(Stored data entries)
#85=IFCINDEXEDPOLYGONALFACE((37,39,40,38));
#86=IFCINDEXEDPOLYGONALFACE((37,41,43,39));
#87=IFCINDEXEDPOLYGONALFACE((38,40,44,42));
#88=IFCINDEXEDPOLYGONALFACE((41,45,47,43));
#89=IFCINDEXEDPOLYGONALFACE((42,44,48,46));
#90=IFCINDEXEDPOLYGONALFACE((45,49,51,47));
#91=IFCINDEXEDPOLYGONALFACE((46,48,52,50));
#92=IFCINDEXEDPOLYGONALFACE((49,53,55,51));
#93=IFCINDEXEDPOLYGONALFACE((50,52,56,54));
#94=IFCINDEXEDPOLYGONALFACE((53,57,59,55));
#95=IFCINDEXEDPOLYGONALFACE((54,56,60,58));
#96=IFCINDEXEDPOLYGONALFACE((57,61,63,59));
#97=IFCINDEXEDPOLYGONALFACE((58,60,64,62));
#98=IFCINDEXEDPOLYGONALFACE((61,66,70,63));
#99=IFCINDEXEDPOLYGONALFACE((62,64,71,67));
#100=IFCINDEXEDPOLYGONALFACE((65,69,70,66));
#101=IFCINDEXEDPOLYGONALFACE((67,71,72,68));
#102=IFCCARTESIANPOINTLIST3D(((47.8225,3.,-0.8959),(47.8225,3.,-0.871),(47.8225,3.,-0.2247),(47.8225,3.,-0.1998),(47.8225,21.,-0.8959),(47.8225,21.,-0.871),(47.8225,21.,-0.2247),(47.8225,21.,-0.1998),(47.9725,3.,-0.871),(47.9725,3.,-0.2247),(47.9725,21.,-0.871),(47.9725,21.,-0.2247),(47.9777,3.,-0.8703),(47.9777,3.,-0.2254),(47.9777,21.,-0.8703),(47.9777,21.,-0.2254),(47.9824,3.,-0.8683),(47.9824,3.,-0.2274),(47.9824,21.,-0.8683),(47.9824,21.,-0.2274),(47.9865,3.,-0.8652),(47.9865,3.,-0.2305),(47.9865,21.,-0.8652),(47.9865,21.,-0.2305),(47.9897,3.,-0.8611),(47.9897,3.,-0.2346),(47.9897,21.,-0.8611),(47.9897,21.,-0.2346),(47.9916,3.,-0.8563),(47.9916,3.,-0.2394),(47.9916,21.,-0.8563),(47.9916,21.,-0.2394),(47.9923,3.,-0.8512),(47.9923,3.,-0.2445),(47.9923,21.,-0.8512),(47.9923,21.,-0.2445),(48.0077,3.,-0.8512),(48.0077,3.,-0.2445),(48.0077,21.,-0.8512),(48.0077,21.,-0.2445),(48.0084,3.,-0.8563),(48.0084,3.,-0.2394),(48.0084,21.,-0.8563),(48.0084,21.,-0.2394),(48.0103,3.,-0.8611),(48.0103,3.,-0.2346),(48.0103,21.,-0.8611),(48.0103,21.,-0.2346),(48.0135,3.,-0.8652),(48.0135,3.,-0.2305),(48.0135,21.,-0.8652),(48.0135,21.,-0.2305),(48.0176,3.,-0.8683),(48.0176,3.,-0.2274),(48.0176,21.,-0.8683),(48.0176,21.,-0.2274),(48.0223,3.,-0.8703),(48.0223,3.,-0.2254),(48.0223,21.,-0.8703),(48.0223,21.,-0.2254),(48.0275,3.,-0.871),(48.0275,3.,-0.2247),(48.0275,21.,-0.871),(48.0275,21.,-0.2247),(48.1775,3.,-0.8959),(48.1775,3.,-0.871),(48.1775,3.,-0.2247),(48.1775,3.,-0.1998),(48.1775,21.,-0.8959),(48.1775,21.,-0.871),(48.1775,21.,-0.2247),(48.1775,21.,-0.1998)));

### What is required
Please output only the lines from the first line of the entries through the line with "#101=IFCINDEXEDPOLYGONALFACE((67,71,72,68));", both included, exactly as written.

### Answer space
#85=IFCINDEXEDPOLYGONALFACE((37,39,40,38));
#86=IFCINDEXEDPOLYGONALFACE((37,41,43,39));
#87=IFCINDEXEDPOLYGONALFACE((38,40,44,42));
#88=IFCINDEXEDPOLYGONALFACE((41,45,47,43));
#89=IFCINDEXEDPOLYGONALFACE((42,44,48,46));
#90=IFCINDEXEDPOLYGONALFACE((45,49,51,47));
#91=IFCINDEXEDPOLYGONALFACE((46,48,52,50));
#92=IFCINDEXEDPOLYGONALFACE((49,53,55,51));
#93=IFCINDEXEDPOLYGONALFACE((50,52,56,54));
#94=IFCINDEXEDPOLYGONALFACE((53,57,59,55));
#95=IFCINDEXEDPOLYGONALFACE((54,56,60,58));
#96=IFCINDEXEDPOLYGONALFACE((57,61,63,59));
#97=IFCINDEXEDPOLYGONALFACE((58,60,64,62));
#98=IFCINDEXEDPOLYGONALFACE((61,66,70,63));
#99=IFCINDEXEDPOLYGONALFACE((62,64,71,67));
#100=IFCINDEXEDPOLYGONALFACE((65,69,70,66));
#101=IFCINDEXEDPOLYGONALFACE((67,71,72,68));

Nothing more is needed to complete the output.